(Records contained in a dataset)
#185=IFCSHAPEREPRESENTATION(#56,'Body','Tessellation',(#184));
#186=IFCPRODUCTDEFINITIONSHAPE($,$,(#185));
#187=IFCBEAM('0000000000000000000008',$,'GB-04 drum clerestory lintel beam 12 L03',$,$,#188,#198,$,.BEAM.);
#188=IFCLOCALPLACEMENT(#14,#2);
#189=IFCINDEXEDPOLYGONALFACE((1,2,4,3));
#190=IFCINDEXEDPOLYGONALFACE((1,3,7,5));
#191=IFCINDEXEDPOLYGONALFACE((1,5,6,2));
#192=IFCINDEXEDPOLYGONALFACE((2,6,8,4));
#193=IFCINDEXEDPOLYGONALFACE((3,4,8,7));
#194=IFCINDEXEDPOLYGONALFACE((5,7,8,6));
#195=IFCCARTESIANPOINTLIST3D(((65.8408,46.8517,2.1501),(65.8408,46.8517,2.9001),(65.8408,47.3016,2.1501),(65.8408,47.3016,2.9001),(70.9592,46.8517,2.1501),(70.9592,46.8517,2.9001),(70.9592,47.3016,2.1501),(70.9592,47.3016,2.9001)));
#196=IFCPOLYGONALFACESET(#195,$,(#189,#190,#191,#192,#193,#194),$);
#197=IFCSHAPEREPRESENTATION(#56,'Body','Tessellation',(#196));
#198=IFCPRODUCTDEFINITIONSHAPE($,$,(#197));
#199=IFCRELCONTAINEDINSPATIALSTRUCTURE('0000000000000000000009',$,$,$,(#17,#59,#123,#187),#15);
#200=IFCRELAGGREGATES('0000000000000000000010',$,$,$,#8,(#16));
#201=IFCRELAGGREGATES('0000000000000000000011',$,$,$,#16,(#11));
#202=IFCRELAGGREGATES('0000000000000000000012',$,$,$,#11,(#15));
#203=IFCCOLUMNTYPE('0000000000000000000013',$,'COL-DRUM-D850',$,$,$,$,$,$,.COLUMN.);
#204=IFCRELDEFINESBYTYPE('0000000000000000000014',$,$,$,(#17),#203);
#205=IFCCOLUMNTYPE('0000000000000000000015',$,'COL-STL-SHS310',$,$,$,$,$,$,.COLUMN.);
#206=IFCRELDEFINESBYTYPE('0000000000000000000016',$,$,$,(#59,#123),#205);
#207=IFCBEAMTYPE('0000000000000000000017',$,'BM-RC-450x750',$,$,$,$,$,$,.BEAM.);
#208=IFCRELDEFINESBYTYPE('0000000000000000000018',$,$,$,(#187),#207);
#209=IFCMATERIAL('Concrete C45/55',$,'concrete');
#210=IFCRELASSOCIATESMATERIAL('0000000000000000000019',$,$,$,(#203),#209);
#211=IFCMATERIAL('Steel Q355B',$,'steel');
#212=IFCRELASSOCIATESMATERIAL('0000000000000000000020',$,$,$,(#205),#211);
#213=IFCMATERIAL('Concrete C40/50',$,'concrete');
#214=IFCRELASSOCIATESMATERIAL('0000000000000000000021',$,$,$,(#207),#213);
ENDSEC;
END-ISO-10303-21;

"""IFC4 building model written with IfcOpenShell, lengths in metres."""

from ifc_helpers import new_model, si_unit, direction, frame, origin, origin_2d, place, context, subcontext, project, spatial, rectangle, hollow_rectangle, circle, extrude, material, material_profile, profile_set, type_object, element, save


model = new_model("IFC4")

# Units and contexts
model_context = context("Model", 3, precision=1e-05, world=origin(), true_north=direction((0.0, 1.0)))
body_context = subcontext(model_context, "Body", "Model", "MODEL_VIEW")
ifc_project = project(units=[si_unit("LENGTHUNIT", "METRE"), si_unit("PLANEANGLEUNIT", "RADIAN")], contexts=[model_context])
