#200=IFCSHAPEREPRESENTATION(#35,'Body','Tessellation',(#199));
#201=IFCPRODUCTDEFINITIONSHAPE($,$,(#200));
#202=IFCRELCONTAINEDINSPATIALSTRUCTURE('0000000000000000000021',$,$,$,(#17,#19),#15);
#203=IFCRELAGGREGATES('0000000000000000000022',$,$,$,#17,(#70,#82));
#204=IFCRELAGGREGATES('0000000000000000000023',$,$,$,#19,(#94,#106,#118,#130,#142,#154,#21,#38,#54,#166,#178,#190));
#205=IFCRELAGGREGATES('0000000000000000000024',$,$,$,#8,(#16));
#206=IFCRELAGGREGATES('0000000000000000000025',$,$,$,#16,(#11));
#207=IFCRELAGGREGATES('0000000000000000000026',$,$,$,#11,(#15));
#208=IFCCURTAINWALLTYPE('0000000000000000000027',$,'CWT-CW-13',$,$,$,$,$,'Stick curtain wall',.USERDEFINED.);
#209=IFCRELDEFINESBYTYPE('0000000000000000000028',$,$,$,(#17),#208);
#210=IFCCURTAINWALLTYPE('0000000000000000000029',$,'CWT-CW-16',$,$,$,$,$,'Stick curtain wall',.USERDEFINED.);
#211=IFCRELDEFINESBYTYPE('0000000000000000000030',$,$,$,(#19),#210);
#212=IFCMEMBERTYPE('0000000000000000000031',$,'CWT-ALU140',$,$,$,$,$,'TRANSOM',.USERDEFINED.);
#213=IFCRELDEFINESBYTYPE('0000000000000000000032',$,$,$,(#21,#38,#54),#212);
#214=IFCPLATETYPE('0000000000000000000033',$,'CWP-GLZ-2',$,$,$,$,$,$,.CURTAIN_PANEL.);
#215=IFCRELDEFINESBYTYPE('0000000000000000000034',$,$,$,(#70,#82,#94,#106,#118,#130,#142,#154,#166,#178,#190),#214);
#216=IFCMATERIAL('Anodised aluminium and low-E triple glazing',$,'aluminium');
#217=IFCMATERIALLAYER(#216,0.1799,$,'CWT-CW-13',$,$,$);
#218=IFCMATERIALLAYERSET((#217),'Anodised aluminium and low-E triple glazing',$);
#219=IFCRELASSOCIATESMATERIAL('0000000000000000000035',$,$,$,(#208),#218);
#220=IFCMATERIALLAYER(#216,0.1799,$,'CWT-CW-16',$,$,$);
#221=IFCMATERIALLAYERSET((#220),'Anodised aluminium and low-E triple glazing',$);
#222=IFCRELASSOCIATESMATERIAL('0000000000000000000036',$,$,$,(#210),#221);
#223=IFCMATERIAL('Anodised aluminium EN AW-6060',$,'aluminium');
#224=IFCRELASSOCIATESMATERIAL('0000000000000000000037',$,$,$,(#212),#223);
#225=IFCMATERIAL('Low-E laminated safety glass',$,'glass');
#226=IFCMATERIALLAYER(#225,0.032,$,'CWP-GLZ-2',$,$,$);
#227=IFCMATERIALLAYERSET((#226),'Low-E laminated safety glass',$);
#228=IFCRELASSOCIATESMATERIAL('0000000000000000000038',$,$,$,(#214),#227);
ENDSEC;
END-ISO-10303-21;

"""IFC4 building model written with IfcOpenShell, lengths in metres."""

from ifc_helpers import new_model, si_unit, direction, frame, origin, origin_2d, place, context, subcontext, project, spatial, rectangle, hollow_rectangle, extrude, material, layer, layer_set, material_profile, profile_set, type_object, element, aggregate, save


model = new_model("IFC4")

— ABOUT THIS EXERCISE —
Each record above has to be set down again, exactly and completely.

— RESULT OF THIS TASK —
#185=IFCSHAPEREPRESENTATION(#56,'Body','Tessellation',(#184));
#186=IFCPRODUCTDEFINITIONSHAPE($,$,(#185));
#187=IFCBEAM('0000000000000000000008',$,'GB-04 drum clerestory lintel beam 12 L03',$,$,#188,#198,$,.BEAM.);
#188=IFCLOCALPLACEMENT(#14,#2);
#189=IFCINDEXEDPOLYGONALFACE((1,2,4,3));
#190=IFCINDEXEDPOLYGONALFACE((1,3,7,5));
#191=IFCINDEXEDPOLYGONALFACE((1,5,6,2));
#192=IFCINDEXEDPOLYGONALFACE((2,6,8,4));
#193=IFCINDEXEDPOLYGONALFACE((3,4,8,7));
#194=IFCINDEXEDPOLYGONALFACE((5,7,8,6));
#195=IFCCARTESIANPOINTLIST3D(((65.8408,46.8517,2.1501),(65.8408,46.8517,2.9001),(65.8408,47.3016,2.1501),(65.8408,47.3016,2.9001),(70.9592,46.8517,2.1501),(70.9592,46.8517,2.9001),(70.9592,47.3016,2.1501),(70.9592,47.3016,2.9001)));
#196=IFCPOLYGONALFACESET(#195,$,(#189,#190,#191,#192,#193,#194),$);
#197=IFCSHAPEREPRESENTATION(#56,'Body','Tessellation',(#196));
#198=IFCPRODUCTDEFINITIONSHAPE($,$,(#197));
#199=IFCRELCONTAINEDINSPATIALSTRUCTURE('0000000000000000000009',$,$,$,(#17,#59,#123,#187),#15);
#200=IFCRELAGGREGATES('0000000000000000000010',$,$,$,#8,(#16));
#201=IFCRELAGGREGATES('0000000000000000000011',$,$,$,#16,(#11));
#202=IFCRELAGGREGATES('0000000000000000000012',$,$,$,#11,(#15));
#203=IFCCOLUMNTYPE('0000000000000000000013',$,'COL-DRUM-D850',$,$,$,$,$,$,.COLUMN.);
#204=IFCRELDEFINESBYTYPE('0000000000000000000014',$,$,$,(#17),#203);
#205=IFCCOLUMNTYPE('0000000000000000000015',$,'COL-STL-SHS310',$,$,$,$,$,$,.COLUMN.);
#206=IFCRELDEFINESBYTYPE('0000000000000000000016',$,$,$,(#59,#123),#205);
#207=IFCBEAMTYPE('0000000000000000000017',$,'BM-RC-450x750',$,$,$,$,$,$,.BEAM.);
#208=IFCRELDEFINESBYTYPE('0000000000000000000018',$,$,$,(#187),#207);
#209=IFCMATERIAL('Concrete C45/55',$,'concrete');
#210=IFCRELASSOCIATESMATERIAL('0000000000000000000019',$,$,$,(#203),#209);
#211=IFCMATERIAL('Steel Q355B',$,'steel');
#212=IFCRELASSOCIATESMATERIAL('0000000000000000000020',$,$,$,(#205),#211);
#213=IFCMATERIAL('Concrete C40/50',$,'concrete');
#214=IFCRELASSOCIATESMATERIAL('0000000000000000000021',$,$,$,(#207),#213);
ENDSEC;
END-ISO-10303-21;

"""IFC4 building model written with IfcOpenShell, lengths in metres."""

from ifc_helpers import new_model, si_unit, direction, frame, origin, origin_2d, place, context, subcontext, project, spatial, rectangle, hollow_rectangle, circle, extrude, material, material_profile, profile_set, type_object, element, save


model = new_model("IFC4")

# Units and contexts
model_context = context("Model", 3, precision=1e-05, world=origin(), true_north=direction((0.0, 1.0)))
body_context = subcontext(model_context, "Body", "Model", "MODEL_VIEW")
ifc_project = project(units=[si_unit("LENGTHUNIT", "METRE"), si_unit("PLANEANGLEUNIT", "RADIAN")], contexts=[model_context])
#200=IFCSHAPEREPRESENTATION(#35,'Body','Tessellation',(#199));
#201=IFCPRODUCTDEFINITIONSHAPE($,$,(#200));
#202=IFCRELCONTAINEDINSPATIALSTRUCTURE('0000000000000000000021',$,$,$,(#17,#19),#15);
#203=IFCRELAGGREGATES('0000000000000000000022',$,$,$,#17,(#70,#82));
#204=IFCRELAGGREGATES('0000000000000000000023',$,$,$,#19,(#94,#106,#118,#130,#142,#154,#21,#38,#54,#166,#178,#190));
#205=IFCRELAGGREGATES('0000000000000000000024',$,$,$,#8,(#16));
#206=IFCRELAGGREGATES('0000000000000000000025',$,$,$,#16,(#11));
#207=IFCRELAGGREGATES('0000000000000000000026',$,$,$,#11,(#15));
#208=IFCCURTAINWALLTYPE('0000000000000000000027',$,'CWT-CW-13',$,$,$,$,$,'Stick curtain wall',.USERDEFINED.);
#209=IFCRELDEFINESBYTYPE('0000000000000000000028',$,$,$,(#17),#208);
#210=IFCCURTAINWALLTYPE('0000000000000000000029',$,'CWT-CW-16',$,$,$,$,$,'Stick curtain wall',.USERDEFINED.);
#211=IFCRELDEFINESBYTYPE('0000000000000000000030',$,$,$,(#19),#210);
#212=IFCMEMBERTYPE('0000000000000000000031',$,'CWT-ALU140',$,$,$,$,$,'TRANSOM',.USERDEFINED.);
#213=IFCRELDEFINESBYTYPE('0000000000000000000032',$,$,$,(#21,#38,#54),#212);
#214=IFCPLATETYPE('0000000000000000000033',$,'CWP-GLZ-2',$,$,$,$,$,$,.CURTAIN_PANEL.);
#215=IFCRELDEFINESBYTYPE('0000000000000000000034',$,$,$,(#70,#82,#94,#106,#118,#130,#142,#154,#166,#178,#190),#214);
#216=IFCMATERIAL('Anodised aluminium and low-E triple glazing',$,'aluminium');
#217=IFCMATERIALLAYER(#216,0.1799,$,'CWT-CW-13',$,$,$);
#218=IFCMATERIALLAYERSET((#217),'Anodised aluminium and low-E triple glazing',$);
#219=IFCRELASSOCIATESMATERIAL('0000000000000000000035',$,$,$,(#208),#218);
#220=IFCMATERIALLAYER(#216,0.1799,$,'CWT-CW-16',$,$,$);
#221=IFCMATERIALLAYERSET((#220),'Anodised aluminium and low-E triple glazing',$);
#222=IFCRELASSOCIATESMATERIAL('0000000000000000000036',$,$,$,(#210),#221);
#223=IFCMATERIAL('Anodised aluminium EN AW-6060',$,'aluminium');
#224=IFCRELASSOCIATESMATERIAL('0000000000000000000037',$,$,$,(#212),#223);
#225=IFCMATERIAL('Low-E laminated safety glass',$,'glass');
#226=IFCMATERIALLAYER(#225,0.032,$,'CWP-GLZ-2',$,$,$);
#227=IFCMATERIALLAYERSET((#226),'Low-E laminated safety glass',$);
#228=IFCRELASSOCIATESMATERIAL('0000000000000000000038',$,$,$,(#214),#227);
ENDSEC;
END-ISO-10303-21;

"""IFC4 building model written with IfcOpenShell, lengths in metres."""

from ifc_helpers import new_model, si_unit, direction, frame, origin, origin_2d, place, context, subcontext, project, spatial, rectangle, hollow_rectangle, extrude, material, layer, layer_set, material_profile, profile_set, type_object, element, aggregate, save


model = new_model("IFC4")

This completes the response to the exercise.